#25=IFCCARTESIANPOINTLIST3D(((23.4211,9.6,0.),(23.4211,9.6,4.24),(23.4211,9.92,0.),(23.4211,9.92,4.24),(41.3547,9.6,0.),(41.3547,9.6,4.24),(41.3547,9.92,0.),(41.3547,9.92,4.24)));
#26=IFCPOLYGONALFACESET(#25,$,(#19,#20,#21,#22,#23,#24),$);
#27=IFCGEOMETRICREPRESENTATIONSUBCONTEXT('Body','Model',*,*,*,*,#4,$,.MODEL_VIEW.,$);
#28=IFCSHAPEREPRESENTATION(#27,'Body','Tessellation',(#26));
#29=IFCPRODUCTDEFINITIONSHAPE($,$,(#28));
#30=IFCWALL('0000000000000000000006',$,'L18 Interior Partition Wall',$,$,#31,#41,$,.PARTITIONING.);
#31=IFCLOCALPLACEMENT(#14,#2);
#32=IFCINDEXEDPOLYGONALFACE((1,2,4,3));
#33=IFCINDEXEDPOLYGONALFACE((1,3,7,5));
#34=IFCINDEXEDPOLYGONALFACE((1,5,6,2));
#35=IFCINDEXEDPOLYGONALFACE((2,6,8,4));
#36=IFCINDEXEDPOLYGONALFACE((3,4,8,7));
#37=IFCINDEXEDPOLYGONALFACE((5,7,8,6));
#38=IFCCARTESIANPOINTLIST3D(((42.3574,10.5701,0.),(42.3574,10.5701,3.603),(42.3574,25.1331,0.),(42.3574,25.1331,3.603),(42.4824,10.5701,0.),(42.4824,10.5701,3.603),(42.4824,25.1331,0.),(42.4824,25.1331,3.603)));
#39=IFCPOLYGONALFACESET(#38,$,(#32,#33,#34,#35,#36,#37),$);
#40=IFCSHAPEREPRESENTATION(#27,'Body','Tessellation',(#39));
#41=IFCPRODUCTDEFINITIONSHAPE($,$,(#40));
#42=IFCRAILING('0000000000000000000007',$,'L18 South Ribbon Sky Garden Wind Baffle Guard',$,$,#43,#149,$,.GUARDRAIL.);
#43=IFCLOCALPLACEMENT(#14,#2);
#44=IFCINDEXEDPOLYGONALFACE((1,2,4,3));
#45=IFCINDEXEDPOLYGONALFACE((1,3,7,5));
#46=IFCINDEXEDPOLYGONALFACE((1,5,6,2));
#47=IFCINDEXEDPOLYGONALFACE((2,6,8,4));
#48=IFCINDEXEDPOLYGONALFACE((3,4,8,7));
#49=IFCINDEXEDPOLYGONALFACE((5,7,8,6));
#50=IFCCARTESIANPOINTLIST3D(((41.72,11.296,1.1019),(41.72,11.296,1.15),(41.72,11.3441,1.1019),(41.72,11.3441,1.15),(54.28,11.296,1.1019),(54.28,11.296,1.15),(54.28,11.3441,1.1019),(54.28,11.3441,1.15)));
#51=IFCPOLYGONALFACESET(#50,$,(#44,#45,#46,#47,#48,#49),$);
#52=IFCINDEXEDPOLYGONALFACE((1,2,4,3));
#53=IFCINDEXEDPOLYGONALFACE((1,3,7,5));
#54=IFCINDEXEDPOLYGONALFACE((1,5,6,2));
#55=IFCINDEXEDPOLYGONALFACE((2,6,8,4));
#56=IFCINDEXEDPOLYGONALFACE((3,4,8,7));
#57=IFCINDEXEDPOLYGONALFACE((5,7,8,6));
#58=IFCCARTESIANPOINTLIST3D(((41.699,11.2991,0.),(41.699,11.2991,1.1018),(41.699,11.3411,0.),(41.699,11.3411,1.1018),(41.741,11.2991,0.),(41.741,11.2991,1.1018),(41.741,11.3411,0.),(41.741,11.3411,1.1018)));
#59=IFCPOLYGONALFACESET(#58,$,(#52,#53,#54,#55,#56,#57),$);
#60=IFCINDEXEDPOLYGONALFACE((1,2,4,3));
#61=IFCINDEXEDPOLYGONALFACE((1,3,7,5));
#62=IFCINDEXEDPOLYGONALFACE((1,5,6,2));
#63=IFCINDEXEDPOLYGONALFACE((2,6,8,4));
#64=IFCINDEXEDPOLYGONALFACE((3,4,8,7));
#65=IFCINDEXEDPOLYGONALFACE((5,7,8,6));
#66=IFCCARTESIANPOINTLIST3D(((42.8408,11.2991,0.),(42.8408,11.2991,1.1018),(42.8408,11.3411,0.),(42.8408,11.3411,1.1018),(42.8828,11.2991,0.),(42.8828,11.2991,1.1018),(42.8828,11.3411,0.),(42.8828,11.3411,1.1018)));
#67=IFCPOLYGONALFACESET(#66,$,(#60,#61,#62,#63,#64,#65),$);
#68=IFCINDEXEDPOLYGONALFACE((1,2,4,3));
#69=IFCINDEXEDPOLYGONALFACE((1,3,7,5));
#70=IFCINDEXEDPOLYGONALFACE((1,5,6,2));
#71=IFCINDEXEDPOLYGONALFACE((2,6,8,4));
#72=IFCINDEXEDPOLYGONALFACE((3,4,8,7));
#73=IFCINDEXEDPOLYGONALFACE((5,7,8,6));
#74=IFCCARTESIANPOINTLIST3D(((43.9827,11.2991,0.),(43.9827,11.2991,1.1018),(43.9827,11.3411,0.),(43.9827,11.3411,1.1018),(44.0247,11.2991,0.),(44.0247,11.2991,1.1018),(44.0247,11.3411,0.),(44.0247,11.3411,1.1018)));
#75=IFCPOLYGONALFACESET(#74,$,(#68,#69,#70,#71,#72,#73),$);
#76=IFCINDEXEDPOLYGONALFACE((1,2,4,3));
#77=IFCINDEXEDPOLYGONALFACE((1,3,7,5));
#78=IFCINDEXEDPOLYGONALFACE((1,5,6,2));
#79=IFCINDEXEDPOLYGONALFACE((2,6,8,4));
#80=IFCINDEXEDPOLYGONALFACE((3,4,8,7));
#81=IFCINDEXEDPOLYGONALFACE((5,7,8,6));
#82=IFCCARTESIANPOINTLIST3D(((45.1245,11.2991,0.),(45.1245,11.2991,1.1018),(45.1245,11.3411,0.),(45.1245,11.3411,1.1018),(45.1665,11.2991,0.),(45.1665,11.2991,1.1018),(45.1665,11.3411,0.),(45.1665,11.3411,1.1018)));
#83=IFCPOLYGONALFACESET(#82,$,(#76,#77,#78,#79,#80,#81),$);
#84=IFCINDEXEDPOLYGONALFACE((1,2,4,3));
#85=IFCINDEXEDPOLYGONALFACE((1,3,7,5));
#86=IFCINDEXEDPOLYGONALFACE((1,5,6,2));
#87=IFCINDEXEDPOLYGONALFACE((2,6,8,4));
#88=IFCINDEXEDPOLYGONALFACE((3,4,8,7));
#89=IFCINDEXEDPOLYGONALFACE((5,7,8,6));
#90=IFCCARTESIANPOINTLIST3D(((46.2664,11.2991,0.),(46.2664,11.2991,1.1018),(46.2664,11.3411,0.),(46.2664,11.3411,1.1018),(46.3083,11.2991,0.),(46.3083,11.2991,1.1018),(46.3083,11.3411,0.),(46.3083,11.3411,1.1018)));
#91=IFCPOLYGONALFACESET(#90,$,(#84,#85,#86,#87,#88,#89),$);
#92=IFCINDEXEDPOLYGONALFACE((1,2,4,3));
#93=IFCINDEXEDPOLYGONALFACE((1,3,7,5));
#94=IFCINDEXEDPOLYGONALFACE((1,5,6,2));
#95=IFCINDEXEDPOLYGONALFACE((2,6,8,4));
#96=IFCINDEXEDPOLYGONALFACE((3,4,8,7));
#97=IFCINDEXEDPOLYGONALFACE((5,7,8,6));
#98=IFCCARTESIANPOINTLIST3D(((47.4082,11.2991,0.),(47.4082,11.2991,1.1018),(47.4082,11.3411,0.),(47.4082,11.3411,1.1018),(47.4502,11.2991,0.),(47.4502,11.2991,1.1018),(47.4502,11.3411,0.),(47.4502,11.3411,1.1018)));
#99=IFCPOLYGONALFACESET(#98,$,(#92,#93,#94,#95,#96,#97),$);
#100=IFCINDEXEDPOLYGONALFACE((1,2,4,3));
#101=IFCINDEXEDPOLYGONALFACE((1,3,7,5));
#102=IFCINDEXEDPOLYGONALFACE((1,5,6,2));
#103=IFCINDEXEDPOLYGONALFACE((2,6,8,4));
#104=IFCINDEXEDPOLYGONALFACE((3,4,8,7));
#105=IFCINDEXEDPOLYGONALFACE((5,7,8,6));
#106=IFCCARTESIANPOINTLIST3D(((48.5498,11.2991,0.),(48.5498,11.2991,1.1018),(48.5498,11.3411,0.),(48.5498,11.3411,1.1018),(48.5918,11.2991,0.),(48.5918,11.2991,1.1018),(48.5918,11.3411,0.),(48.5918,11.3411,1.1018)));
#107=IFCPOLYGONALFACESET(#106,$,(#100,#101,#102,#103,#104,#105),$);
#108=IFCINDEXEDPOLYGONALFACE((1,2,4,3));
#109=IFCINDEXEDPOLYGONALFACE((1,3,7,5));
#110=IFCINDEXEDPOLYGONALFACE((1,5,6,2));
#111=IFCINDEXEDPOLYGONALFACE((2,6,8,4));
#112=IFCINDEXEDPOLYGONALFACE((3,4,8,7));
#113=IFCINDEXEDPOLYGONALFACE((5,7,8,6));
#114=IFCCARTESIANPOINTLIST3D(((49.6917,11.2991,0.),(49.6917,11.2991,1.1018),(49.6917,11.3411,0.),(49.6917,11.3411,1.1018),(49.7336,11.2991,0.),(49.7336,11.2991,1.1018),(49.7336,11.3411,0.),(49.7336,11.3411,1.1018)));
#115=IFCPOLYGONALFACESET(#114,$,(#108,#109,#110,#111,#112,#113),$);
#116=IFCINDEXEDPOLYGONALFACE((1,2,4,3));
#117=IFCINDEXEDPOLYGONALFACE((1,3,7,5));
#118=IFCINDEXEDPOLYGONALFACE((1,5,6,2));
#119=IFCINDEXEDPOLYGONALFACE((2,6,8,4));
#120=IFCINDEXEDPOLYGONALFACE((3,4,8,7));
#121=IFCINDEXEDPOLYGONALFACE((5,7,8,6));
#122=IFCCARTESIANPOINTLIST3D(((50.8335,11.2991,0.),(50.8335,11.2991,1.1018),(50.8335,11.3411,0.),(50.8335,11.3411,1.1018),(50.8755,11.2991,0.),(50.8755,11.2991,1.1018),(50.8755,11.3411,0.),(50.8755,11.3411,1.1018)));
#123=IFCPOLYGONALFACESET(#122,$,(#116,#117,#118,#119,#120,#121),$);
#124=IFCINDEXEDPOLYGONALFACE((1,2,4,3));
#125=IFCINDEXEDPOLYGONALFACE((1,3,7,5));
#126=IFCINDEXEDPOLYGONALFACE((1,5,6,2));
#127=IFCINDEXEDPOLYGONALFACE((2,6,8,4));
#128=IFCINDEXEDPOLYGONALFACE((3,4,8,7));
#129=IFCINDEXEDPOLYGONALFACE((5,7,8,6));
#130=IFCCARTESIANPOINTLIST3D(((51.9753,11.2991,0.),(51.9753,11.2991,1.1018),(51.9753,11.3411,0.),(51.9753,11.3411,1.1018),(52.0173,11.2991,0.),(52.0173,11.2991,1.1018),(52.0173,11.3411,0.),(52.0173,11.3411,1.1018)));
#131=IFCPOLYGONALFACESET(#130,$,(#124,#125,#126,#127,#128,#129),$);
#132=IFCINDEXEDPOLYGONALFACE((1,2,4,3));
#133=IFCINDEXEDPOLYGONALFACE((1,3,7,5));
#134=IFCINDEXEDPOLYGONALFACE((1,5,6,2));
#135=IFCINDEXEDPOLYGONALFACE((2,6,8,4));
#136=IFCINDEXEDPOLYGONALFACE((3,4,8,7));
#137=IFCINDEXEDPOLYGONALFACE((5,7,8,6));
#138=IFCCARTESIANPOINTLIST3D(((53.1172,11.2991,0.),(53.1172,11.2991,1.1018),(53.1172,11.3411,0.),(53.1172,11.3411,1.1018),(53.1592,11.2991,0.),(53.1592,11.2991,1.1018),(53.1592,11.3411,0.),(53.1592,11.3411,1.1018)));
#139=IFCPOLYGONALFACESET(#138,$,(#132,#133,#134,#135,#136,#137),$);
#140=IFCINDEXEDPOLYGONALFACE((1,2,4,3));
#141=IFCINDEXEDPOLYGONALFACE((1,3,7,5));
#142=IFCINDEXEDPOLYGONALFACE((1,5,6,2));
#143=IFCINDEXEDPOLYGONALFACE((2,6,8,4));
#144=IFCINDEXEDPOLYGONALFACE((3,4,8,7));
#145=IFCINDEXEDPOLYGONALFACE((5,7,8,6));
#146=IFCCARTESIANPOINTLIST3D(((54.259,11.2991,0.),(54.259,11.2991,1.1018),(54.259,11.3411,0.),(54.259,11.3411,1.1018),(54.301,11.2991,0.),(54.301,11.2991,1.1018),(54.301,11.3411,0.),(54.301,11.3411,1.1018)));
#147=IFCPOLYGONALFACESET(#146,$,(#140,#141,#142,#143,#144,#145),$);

- **What to work on**
Produce only the lines from the line containing "#112=IFCINDEXEDPOLYGONALFACE((3,4,8,7));" through the line containing "#129=IFCINDEXEDPOLYGONALFACE((5,7,8,6));", inclusive of both, exactly as they stand in the entries above.

- **Result of this task**
#112=IFCINDEXEDPOLYGONALFACE((3,4,8,7));
#113=IFCINDEXEDPOLYGONALFACE((5,7,8,6));
#114=IFCCARTESIANPOINTLIST3D(((49.6917,11.2991,0.),(49.6917,11.2991,1.1018),(49.6917,11.3411,0.),(49.6917,11.3411,1.1018),(49.7336,11.2991,0.),(49.7336,11.2991,1.1018),(49.7336,11.3411,0.),(49.7336,11.3411,1.1018)));
#115=IFCPOLYGONALFACESET(#114,$,(#108,#109,#110,#111,#112,#113),$);
#116=IFCINDEXEDPOLYGONALFACE((1,2,4,3));
#117=IFCINDEXEDPOLYGONALFACE((1,3,7,5));
#118=IFCINDEXEDPOLYGONALFACE((1,5,6,2));
#119=IFCINDEXEDPOLYGONALFACE((2,6,8,4));
#120=IFCINDEXEDPOLYGONALFACE((3,4,8,7));
#121=IFCINDEXEDPOLYGONALFACE((5,7,8,6));
#122=IFCCARTESIANPOINTLIST3D(((50.8335,11.2991,0.),(50.8335,11.2991,1.1018),(50.8335,11.3411,0.),(50.8335,11.3411,1.1018),(50.8755,11.2991,0.),(50.8755,11.2991,1.1018),(50.8755,11.3411,0.),(50.8755,11.3411,1.1018)));
#123=IFCPOLYGONALFACESET(#122,$,(#116,#117,#118,#119,#120,#121),$);
#124=IFCINDEXEDPOLYGONALFACE((1,2,4,3));
#125=IFCINDEXEDPOLYGONALFACE((1,3,7,5));
#126=IFCINDEXEDPOLYGONALFACE((1,5,6,2));
#127=IFCINDEXEDPOLYGONALFACE((2,6,8,4));
#128=IFCINDEXEDPOLYGONALFACE((3,4,8,7));
#129=IFCINDEXEDPOLYGONALFACE((5,7,8,6));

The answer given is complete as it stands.